**Work item**
Copy whichever lines of the data hold the word "Tessellation".

****************

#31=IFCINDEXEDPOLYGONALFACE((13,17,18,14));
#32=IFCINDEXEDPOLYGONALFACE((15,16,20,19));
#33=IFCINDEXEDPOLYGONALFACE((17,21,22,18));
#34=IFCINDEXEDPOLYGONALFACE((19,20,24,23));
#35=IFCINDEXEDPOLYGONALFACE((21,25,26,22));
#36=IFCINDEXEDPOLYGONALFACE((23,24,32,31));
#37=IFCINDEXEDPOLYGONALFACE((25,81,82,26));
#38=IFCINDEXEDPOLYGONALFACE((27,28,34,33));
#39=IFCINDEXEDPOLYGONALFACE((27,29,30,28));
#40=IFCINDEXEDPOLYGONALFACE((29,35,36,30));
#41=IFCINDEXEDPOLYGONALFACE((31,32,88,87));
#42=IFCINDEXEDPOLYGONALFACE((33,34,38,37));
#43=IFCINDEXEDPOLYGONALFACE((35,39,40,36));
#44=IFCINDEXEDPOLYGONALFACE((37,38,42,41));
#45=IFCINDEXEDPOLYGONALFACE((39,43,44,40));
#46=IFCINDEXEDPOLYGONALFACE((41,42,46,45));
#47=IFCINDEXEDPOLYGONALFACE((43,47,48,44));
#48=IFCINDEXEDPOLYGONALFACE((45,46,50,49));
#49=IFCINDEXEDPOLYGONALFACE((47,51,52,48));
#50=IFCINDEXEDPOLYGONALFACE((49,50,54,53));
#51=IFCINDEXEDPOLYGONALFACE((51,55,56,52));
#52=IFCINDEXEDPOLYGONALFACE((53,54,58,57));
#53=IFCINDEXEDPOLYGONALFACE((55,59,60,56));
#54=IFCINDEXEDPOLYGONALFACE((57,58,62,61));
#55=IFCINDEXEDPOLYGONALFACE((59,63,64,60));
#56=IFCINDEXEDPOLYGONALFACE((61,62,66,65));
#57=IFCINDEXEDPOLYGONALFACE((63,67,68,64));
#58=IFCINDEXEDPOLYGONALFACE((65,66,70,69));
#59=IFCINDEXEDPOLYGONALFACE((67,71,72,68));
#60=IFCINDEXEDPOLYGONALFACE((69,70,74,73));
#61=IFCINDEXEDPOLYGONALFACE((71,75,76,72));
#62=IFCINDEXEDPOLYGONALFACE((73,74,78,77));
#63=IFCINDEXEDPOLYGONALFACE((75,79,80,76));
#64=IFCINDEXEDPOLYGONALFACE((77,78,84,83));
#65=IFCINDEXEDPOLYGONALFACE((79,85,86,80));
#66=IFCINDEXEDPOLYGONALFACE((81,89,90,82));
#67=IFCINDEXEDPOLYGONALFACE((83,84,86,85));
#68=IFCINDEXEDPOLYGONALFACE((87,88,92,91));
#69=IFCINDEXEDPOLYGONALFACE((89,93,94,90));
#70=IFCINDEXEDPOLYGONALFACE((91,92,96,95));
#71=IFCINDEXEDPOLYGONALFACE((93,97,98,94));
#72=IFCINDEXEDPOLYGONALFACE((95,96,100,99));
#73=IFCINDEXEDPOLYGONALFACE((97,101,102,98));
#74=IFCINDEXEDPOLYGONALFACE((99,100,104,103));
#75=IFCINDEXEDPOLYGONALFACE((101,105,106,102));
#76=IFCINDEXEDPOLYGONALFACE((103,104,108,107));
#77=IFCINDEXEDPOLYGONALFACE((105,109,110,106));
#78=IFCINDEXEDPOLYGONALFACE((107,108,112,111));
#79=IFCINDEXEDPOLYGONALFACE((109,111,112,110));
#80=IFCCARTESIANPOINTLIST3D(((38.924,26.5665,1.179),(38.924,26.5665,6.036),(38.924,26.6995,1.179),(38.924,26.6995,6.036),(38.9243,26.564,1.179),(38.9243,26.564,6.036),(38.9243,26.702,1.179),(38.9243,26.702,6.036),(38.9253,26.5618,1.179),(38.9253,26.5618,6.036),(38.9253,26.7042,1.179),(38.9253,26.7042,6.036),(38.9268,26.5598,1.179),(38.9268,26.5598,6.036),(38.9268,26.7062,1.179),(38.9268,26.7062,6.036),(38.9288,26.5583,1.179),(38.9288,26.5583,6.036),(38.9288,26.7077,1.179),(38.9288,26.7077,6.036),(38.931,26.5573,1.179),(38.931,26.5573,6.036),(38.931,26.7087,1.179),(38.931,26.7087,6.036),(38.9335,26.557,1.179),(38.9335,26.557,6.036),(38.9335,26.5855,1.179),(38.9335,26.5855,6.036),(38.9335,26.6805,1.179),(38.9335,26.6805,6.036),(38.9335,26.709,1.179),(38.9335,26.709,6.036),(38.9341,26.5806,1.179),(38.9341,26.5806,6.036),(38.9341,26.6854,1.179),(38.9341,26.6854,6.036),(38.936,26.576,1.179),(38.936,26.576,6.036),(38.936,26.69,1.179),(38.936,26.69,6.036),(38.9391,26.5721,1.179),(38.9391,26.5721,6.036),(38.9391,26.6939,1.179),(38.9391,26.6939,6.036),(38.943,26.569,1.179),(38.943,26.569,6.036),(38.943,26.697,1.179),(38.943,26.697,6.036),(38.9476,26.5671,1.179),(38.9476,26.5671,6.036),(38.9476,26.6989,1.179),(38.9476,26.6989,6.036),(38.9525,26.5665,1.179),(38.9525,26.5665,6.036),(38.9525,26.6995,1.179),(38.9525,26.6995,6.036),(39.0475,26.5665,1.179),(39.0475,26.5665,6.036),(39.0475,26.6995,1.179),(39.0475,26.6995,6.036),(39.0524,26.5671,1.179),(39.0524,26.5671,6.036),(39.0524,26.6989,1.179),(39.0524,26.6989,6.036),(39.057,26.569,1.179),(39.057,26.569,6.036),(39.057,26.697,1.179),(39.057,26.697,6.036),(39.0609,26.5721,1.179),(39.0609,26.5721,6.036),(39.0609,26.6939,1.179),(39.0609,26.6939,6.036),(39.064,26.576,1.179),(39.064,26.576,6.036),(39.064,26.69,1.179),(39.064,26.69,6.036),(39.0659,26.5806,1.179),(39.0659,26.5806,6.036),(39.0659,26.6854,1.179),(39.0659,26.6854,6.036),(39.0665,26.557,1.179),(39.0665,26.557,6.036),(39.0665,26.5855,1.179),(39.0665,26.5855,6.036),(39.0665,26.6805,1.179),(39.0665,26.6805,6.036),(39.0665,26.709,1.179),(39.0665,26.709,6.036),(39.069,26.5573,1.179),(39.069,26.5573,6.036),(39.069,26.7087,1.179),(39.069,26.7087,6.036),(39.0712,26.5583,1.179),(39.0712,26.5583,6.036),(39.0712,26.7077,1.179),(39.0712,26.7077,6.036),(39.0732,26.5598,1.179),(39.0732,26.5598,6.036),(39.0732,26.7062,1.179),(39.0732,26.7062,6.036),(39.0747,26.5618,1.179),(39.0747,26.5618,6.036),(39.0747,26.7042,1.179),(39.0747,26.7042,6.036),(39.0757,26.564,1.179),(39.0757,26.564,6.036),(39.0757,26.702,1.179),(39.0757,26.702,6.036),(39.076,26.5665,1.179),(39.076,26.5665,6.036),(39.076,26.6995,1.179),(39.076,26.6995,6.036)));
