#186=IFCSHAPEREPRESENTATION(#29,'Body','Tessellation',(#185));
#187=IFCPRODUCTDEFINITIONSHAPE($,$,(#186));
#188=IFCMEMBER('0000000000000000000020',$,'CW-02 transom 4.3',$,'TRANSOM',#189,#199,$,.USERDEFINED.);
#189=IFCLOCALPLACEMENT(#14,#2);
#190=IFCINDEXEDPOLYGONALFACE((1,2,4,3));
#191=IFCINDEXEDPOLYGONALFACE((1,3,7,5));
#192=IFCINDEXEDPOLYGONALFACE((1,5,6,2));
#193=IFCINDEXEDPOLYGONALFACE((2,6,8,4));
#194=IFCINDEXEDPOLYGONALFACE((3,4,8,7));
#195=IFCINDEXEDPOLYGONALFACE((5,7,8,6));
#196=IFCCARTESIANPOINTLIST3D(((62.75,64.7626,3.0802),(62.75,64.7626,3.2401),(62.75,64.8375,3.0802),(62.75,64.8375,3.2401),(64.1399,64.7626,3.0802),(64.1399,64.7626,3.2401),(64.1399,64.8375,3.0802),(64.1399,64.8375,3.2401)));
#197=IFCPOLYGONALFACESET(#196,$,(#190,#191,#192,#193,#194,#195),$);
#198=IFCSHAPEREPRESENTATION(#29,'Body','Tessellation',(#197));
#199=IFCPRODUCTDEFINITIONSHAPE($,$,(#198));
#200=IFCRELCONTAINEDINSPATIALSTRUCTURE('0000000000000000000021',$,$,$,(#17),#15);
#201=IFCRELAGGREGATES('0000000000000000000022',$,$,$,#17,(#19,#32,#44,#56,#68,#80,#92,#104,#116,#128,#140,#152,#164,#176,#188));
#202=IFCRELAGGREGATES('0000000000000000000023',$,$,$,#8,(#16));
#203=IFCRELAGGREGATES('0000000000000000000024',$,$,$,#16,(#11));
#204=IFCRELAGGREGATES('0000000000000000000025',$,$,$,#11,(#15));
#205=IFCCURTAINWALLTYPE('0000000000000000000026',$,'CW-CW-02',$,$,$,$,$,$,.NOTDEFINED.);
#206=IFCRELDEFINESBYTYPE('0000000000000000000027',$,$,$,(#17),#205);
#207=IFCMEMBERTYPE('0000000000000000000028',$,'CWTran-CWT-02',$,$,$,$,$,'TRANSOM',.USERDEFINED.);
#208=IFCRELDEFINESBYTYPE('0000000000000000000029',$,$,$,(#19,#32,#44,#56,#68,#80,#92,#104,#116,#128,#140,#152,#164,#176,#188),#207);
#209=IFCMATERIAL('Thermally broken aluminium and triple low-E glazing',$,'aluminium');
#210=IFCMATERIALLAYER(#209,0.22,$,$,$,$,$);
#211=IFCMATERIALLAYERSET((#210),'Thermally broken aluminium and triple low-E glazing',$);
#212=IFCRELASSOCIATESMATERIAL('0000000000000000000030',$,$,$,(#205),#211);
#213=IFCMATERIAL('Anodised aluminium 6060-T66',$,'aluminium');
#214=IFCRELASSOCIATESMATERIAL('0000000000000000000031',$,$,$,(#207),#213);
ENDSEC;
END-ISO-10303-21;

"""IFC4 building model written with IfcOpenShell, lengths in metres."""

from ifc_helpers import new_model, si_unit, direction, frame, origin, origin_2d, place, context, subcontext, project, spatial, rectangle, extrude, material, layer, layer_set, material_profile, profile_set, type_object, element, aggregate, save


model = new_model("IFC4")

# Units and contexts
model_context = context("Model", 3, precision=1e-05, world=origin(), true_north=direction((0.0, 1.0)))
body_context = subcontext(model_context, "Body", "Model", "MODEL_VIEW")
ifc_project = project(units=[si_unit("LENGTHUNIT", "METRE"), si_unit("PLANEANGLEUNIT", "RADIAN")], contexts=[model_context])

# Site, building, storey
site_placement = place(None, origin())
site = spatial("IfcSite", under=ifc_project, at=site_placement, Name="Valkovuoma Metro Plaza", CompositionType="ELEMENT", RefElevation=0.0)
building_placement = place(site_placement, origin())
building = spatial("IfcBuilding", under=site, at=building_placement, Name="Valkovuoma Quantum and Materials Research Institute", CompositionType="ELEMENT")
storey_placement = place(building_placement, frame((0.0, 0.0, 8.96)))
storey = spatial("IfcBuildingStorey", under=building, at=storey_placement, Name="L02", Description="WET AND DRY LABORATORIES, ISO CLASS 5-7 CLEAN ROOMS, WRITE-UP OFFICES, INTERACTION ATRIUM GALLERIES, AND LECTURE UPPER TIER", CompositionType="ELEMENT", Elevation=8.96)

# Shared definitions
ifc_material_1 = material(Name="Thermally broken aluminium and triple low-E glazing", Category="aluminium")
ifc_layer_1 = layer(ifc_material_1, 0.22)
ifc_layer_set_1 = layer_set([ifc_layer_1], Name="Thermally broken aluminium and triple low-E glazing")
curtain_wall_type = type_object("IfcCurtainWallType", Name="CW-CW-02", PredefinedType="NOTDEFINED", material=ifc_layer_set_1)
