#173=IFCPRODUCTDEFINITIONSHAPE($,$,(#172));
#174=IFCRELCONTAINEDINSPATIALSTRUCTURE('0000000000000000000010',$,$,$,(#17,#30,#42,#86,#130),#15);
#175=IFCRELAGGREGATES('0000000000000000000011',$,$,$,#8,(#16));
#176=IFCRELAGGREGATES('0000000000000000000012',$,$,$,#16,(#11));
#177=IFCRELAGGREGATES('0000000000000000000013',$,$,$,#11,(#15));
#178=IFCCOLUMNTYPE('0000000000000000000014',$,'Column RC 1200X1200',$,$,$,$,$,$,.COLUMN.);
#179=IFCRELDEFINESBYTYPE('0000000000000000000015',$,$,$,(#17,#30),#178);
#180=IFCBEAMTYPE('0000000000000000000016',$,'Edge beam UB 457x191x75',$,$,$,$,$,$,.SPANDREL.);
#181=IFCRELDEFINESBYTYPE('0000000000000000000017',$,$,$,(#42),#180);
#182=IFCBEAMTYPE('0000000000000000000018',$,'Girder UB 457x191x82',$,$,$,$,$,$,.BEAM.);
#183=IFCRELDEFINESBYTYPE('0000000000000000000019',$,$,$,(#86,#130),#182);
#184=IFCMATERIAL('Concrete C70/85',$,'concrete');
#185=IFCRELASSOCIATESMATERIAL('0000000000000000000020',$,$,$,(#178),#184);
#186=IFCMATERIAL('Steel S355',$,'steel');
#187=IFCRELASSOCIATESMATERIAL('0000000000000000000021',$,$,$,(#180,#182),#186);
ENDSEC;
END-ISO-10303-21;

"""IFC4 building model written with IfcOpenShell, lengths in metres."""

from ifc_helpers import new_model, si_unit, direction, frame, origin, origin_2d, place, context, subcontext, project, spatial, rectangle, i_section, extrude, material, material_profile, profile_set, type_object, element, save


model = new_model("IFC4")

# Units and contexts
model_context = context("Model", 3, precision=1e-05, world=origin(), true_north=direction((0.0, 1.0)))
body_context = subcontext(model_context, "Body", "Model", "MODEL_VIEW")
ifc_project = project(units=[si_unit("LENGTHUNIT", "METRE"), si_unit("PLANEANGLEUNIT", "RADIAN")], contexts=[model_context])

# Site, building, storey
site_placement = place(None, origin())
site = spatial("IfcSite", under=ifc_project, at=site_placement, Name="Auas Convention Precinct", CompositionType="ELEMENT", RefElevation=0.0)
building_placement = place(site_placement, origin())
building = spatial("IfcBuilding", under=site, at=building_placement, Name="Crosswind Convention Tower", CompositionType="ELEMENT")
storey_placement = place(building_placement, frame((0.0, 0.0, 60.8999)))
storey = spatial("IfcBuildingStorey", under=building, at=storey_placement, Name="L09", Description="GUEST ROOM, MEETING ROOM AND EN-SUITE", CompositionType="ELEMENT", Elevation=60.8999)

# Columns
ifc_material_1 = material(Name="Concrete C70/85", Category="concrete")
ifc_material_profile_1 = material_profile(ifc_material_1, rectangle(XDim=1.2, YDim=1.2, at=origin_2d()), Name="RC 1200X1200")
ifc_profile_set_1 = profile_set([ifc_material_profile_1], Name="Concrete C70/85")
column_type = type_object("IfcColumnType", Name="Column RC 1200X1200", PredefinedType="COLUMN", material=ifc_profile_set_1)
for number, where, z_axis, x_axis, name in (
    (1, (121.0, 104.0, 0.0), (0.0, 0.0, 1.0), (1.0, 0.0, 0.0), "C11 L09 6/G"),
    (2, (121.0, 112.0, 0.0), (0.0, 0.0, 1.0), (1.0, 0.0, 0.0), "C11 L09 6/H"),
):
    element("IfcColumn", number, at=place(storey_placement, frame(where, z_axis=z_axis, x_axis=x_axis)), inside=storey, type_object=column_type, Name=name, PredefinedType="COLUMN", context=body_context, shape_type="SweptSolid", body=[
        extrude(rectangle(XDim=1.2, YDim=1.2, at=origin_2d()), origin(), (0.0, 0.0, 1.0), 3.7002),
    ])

****************

**Solved exercise**
#186=IFCSHAPEREPRESENTATION(#29,'Body','Tessellation',(#185));
#198=IFCSHAPEREPRESENTATION(#29,'Body','Tessellation',(#197));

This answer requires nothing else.